#### About this exercise
In the data below, find the line that contains "#172=IFCINDEXEDPOLYGONALFACE((1,2,4,3));" and the line that contains "#194=IFCMATERIAL('Concrete C70/85',$,'concrete');". Copy both, plus every line between them, exactly.

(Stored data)

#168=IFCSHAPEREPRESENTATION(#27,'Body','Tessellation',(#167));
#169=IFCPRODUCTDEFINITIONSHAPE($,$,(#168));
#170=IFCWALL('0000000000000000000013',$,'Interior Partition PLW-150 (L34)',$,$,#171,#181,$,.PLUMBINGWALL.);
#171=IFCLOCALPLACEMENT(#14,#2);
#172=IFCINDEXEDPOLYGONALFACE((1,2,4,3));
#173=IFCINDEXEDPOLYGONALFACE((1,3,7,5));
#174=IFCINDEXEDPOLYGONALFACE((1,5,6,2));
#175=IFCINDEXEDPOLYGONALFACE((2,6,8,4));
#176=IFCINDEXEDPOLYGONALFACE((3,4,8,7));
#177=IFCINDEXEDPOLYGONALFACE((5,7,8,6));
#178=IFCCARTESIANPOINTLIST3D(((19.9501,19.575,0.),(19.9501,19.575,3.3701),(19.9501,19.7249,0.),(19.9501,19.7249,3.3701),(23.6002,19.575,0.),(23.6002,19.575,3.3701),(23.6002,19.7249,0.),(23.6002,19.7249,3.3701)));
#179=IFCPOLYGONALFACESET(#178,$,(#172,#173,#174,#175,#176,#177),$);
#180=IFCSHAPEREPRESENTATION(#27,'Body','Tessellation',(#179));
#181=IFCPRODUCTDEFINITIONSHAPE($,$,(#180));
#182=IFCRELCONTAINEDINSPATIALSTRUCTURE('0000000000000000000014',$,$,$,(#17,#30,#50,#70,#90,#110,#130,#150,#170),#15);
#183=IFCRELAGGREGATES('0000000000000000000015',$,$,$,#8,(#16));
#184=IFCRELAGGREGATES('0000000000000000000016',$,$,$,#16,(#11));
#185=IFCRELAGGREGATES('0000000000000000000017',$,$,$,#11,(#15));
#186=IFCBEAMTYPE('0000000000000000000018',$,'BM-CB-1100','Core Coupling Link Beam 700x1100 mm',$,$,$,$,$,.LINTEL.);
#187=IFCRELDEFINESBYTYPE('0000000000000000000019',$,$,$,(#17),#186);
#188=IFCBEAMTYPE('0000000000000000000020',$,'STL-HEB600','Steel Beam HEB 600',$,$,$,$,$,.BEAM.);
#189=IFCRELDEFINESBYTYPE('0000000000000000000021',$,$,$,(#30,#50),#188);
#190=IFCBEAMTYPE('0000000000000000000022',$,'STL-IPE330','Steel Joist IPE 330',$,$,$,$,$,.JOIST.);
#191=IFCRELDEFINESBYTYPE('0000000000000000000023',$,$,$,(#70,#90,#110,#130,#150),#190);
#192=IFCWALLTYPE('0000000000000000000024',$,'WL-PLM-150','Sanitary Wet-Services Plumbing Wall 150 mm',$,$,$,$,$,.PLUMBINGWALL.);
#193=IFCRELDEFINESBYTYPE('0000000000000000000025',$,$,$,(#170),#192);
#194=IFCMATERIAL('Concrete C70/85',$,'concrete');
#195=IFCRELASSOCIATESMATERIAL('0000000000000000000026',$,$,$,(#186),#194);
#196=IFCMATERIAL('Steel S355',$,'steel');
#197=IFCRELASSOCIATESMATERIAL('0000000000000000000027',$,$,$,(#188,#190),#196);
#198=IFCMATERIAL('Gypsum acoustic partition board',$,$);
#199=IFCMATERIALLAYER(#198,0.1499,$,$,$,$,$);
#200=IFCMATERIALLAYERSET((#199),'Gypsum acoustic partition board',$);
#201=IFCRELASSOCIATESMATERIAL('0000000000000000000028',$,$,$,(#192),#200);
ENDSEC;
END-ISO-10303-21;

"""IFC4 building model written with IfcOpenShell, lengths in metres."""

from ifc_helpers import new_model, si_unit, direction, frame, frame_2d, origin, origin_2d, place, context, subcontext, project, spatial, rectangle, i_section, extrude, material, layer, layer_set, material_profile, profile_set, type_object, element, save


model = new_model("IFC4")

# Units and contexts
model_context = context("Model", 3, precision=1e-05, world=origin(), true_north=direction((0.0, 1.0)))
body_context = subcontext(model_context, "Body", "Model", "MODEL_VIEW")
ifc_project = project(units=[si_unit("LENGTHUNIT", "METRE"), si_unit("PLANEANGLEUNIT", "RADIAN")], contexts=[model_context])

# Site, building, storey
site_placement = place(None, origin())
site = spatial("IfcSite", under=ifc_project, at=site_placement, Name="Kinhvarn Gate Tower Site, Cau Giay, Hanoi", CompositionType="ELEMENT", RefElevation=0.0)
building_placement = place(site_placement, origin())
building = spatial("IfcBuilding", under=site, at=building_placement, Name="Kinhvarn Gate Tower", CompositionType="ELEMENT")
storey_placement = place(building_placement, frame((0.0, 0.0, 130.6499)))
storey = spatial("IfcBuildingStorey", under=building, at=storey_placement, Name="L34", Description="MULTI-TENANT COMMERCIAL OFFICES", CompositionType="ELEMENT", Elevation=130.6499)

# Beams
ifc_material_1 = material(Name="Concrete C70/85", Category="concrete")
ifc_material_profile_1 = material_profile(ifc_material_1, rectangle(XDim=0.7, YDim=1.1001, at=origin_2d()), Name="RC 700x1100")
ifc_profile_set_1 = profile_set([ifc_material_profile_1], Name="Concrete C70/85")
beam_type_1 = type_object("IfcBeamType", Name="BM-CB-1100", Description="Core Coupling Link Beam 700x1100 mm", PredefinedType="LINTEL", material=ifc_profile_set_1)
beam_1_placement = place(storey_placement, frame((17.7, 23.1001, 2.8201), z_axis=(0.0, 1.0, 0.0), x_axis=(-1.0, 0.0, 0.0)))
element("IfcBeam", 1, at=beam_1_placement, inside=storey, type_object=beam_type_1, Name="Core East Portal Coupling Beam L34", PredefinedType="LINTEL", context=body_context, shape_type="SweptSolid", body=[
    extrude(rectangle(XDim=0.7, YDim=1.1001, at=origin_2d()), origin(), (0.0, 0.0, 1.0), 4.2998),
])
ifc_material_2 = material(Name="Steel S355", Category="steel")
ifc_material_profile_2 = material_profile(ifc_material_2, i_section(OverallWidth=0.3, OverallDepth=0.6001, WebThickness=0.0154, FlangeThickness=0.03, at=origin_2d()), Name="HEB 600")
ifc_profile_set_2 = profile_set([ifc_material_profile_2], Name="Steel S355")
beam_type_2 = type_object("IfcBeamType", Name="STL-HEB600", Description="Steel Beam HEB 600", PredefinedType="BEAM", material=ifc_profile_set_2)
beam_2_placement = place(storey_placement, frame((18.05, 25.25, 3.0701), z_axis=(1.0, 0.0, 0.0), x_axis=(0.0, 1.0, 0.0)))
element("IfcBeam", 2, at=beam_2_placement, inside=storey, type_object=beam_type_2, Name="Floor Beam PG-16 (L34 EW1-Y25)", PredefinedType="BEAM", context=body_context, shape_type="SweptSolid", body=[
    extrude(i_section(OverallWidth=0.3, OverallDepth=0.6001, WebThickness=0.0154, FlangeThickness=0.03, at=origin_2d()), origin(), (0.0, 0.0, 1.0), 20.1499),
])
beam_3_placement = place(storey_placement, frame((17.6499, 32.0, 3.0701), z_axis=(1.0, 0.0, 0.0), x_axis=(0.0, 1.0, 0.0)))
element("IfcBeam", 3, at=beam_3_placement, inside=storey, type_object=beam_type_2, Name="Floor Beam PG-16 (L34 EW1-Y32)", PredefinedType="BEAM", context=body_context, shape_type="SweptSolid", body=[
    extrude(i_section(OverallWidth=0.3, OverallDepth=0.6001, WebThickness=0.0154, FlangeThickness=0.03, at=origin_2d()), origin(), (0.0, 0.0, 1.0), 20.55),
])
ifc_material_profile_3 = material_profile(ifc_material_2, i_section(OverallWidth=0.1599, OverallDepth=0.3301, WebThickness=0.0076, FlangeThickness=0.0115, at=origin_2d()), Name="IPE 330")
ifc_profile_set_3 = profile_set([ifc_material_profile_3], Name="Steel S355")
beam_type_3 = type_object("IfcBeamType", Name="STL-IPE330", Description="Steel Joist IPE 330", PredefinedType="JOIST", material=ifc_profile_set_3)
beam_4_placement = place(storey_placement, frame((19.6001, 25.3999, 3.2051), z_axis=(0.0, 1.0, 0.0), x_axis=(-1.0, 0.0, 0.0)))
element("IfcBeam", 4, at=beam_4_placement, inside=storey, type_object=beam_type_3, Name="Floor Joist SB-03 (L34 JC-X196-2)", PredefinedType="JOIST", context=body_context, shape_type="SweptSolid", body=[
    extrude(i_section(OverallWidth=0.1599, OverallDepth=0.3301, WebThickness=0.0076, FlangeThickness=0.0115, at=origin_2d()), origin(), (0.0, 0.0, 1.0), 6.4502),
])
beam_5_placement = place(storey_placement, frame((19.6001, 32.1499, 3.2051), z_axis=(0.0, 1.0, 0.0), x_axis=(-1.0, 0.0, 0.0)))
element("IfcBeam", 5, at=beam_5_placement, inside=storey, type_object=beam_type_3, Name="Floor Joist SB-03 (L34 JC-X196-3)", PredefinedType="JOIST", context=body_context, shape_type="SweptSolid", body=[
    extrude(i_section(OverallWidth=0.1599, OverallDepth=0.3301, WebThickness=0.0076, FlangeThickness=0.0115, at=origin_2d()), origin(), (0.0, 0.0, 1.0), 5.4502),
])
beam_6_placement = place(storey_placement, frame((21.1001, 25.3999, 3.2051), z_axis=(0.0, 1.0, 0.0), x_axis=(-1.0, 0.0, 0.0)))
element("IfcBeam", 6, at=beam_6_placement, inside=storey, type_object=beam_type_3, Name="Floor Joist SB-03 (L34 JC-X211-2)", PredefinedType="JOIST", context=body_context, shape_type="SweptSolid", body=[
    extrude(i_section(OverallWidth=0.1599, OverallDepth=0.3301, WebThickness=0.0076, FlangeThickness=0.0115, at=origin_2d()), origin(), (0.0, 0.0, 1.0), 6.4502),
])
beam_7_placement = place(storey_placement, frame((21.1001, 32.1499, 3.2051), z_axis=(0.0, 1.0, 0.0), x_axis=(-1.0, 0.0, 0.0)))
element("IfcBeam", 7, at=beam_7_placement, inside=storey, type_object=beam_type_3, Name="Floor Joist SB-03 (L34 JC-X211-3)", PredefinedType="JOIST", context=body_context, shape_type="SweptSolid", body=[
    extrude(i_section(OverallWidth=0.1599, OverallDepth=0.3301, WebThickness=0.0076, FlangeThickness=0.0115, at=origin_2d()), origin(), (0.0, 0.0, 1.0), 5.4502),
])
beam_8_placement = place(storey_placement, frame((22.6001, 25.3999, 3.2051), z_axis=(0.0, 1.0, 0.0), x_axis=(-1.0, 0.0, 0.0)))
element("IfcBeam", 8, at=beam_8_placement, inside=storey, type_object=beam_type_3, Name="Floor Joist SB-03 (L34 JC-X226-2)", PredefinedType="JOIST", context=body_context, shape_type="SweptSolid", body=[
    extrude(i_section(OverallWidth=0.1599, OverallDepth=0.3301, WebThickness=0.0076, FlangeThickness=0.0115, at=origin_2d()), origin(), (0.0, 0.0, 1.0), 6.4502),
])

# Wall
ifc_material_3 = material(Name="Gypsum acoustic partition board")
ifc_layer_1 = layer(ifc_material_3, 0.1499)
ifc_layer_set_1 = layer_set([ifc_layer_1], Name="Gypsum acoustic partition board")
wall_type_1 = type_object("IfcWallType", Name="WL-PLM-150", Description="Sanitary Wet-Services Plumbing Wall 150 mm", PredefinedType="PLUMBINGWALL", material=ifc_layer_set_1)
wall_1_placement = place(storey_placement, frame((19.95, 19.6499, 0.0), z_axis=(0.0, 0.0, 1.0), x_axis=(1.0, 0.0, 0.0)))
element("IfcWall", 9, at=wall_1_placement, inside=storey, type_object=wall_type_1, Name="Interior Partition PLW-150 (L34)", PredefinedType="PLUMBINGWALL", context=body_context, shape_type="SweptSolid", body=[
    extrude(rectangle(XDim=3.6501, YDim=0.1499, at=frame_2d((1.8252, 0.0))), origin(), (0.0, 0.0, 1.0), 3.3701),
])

#### Answer box
#172=IFCINDEXEDPOLYGONALFACE((1,2,4,3));
#173=IFCINDEXEDPOLYGONALFACE((1,3,7,5));
#174=IFCINDEXEDPOLYGONALFACE((1,5,6,2));
#175=IFCINDEXEDPOLYGONALFACE((2,6,8,4));
#176=IFCINDEXEDPOLYGONALFACE((3,4,8,7));
#177=IFCINDEXEDPOLYGONALFACE((5,7,8,6));
#178=IFCCARTESIANPOINTLIST3D(((19.9501,19.575,0.),(19.9501,19.575,3.3701),(19.9501,19.7249,0.),(19.9501,19.7249,3.3701),(23.6002,19.575,0.),(23.6002,19.575,3.3701),(23.6002,19.7249,0.),(23.6002,19.7249,3.3701)));
#179=IFCPOLYGONALFACESET(#178,$,(#172,#173,#174,#175,#176,#177),$);
#180=IFCSHAPEREPRESENTATION(#27,'Body','Tessellation',(#179));
#181=IFCPRODUCTDEFINITIONSHAPE($,$,(#180));
#182=IFCRELCONTAINEDINSPATIALSTRUCTURE('0000000000000000000014',$,$,$,(#17,#30,#50,#70,#90,#110,#130,#150,#170),#15);
#183=IFCRELAGGREGATES('0000000000000000000015',$,$,$,#8,(#16));
#184=IFCRELAGGREGATES('0000000000000000000016',$,$,$,#16,(#11));
#185=IFCRELAGGREGATES('0000000000000000000017',$,$,$,#11,(#15));
#186=IFCBEAMTYPE('0000000000000000000018',$,'BM-CB-1100','Core Coupling Link Beam 700x1100 mm',$,$,$,$,$,.LINTEL.);
#187=IFCRELDEFINESBYTYPE('0000000000000000000019',$,$,$,(#17),#186);
#188=IFCBEAMTYPE('0000000000000000000020',$,'STL-HEB600','Steel Beam HEB 600',$,$,$,$,$,.BEAM.);
#189=IFCRELDEFINESBYTYPE('0000000000000000000021',$,$,$,(#30,#50),#188);
#190=IFCBEAMTYPE('0000000000000000000022',$,'STL-IPE330','Steel Joist IPE 330',$,$,$,$,$,.JOIST.);
#191=IFCRELDEFINESBYTYPE('0000000000000000000023',$,$,$,(#70,#90,#110,#130,#150),#190);
#192=IFCWALLTYPE('0000000000000000000024',$,'WL-PLM-150','Sanitary Wet-Services Plumbing Wall 150 mm',$,$,$,$,$,.PLUMBINGWALL.);
#193=IFCRELDEFINESBYTYPE('0000000000000000000025',$,$,$,(#170),#192);
#194=IFCMATERIAL('Concrete C70/85',$,'concrete');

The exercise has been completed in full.